Copy word for word each line from the one that has "#192=IFCMATERIALLAYERSET((#191),'Gypsum Board on" to the last line of the records, with no other lines.

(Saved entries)
------------------------------------------------------------
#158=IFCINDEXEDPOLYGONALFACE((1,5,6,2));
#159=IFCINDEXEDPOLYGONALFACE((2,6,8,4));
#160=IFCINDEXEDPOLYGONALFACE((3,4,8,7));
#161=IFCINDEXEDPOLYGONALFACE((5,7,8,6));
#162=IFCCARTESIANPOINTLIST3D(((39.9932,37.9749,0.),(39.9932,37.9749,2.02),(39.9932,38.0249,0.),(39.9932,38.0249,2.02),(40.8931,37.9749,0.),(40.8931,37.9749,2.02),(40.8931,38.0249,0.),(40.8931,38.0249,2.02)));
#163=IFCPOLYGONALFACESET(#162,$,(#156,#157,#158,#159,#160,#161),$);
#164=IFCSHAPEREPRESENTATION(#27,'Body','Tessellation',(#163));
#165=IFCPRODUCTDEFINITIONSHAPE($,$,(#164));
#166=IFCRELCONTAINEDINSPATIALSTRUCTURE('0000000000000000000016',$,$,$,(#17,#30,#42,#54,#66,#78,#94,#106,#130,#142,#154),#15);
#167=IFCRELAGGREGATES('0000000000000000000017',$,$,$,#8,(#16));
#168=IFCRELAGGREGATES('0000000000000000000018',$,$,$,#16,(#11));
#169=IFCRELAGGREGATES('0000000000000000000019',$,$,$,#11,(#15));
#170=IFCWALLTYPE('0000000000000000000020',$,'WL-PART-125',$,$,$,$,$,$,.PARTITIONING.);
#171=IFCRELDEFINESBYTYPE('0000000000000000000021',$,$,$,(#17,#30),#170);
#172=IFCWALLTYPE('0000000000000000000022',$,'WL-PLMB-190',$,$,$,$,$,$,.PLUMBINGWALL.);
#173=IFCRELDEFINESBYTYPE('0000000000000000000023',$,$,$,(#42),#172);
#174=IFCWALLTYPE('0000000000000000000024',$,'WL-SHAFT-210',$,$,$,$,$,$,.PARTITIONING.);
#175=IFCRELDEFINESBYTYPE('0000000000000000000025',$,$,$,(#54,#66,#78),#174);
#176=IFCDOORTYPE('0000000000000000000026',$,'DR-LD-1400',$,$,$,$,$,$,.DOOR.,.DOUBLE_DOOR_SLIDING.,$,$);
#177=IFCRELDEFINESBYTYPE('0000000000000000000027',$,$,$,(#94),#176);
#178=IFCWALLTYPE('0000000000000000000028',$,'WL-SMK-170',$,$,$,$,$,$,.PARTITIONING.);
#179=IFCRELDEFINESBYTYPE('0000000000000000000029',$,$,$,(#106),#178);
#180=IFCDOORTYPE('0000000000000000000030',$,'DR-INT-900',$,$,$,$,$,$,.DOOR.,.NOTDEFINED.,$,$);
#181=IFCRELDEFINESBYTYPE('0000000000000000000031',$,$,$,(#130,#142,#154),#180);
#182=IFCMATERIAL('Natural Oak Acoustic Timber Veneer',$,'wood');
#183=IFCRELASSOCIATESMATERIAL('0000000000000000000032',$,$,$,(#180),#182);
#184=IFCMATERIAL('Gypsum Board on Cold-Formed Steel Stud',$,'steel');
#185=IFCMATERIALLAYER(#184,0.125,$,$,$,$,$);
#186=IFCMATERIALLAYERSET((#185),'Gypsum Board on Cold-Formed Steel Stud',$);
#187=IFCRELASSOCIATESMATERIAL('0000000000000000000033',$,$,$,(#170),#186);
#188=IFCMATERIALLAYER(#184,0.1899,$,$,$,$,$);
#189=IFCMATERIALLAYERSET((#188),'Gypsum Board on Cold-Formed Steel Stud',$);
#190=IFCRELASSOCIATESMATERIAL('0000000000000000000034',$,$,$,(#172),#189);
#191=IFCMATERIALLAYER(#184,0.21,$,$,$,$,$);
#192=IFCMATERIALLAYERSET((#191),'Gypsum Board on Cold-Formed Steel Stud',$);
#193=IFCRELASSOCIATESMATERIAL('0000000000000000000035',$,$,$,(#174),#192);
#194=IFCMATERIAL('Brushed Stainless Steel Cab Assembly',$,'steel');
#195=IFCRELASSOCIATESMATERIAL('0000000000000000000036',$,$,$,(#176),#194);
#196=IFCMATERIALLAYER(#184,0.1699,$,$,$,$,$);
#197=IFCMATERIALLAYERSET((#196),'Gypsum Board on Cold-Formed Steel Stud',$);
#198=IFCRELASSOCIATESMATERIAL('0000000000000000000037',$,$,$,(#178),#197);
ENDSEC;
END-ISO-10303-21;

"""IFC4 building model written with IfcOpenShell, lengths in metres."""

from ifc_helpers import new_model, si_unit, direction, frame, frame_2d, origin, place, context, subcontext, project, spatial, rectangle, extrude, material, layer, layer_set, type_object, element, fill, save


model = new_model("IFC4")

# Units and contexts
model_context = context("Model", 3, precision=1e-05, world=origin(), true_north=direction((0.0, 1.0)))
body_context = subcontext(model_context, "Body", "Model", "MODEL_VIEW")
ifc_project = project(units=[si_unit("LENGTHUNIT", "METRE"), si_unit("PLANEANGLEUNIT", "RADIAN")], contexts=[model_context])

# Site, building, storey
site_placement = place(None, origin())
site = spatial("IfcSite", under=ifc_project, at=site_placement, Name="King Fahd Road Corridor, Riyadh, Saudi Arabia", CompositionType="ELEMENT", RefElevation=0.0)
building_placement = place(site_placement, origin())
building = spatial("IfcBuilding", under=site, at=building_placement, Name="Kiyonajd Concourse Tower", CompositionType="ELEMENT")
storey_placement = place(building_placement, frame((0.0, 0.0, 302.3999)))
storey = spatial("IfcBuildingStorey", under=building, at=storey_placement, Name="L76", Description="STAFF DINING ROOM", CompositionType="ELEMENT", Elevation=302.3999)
------------------------------------------------------------
→ **Exercise result**:
#192=IFCMATERIALLAYERSET((#191),'Gypsum Board on Cold-Formed Steel Stud',$);
#193=IFCRELASSOCIATESMATERIAL('0000000000000000000035',$,$,$,(#174),#192);
#194=IFCMATERIAL('Brushed Stainless Steel Cab Assembly',$,'steel');
#195=IFCRELASSOCIATESMATERIAL('0000000000000000000036',$,$,$,(#176),#194);
#196=IFCMATERIALLAYER(#184,0.1699,$,$,$,$,$);
#197=IFCMATERIALLAYERSET((#196),'Gypsum Board on Cold-Formed Steel Stud',$);
#198=IFCRELASSOCIATESMATERIAL('0000000000000000000037',$,$,$,(#178),#197);
ENDSEC;
END-ISO-10303-21;

"""IFC4 building model written with IfcOpenShell, lengths in metres."""

from ifc_helpers import new_model, si_unit, direction, frame, frame_2d, origin, place, context, subcontext, project, spatial, rectangle, extrude, material, layer, layer_set, type_object, element, fill, save


model = new_model("IFC4")

# Units and contexts
model_context = context("Model", 3, precision=1e-05, world=origin(), true_north=direction((0.0, 1.0)))
body_context = subcontext(model_context, "Body", "Model", "MODEL_VIEW")
ifc_project = project(units=[si_unit("LENGTHUNIT", "METRE"), si_unit("PLANEANGLEUNIT", "RADIAN")], contexts=[model_context])

# Site, building, storey
site_placement = place(None, origin())
site = spatial("IfcSite", under=ifc_project, at=site_placement, Name="King Fahd Road Corridor, Riyadh, Saudi Arabia", CompositionType="ELEMENT", RefElevation=0.0)
building_placement = place(site_placement, origin())
building = spatial("IfcBuilding", under=site, at=building_placement, Name="Kiyonajd Concourse Tower", CompositionType="ELEMENT")
storey_placement = place(building_placement, frame((0.0, 0.0, 302.3999)))
storey = spatial("IfcBuildingStorey", under=building, at=storey_placement, Name="L76", Description="STAFF DINING ROOM", CompositionType="ELEMENT", Elevation=302.3999)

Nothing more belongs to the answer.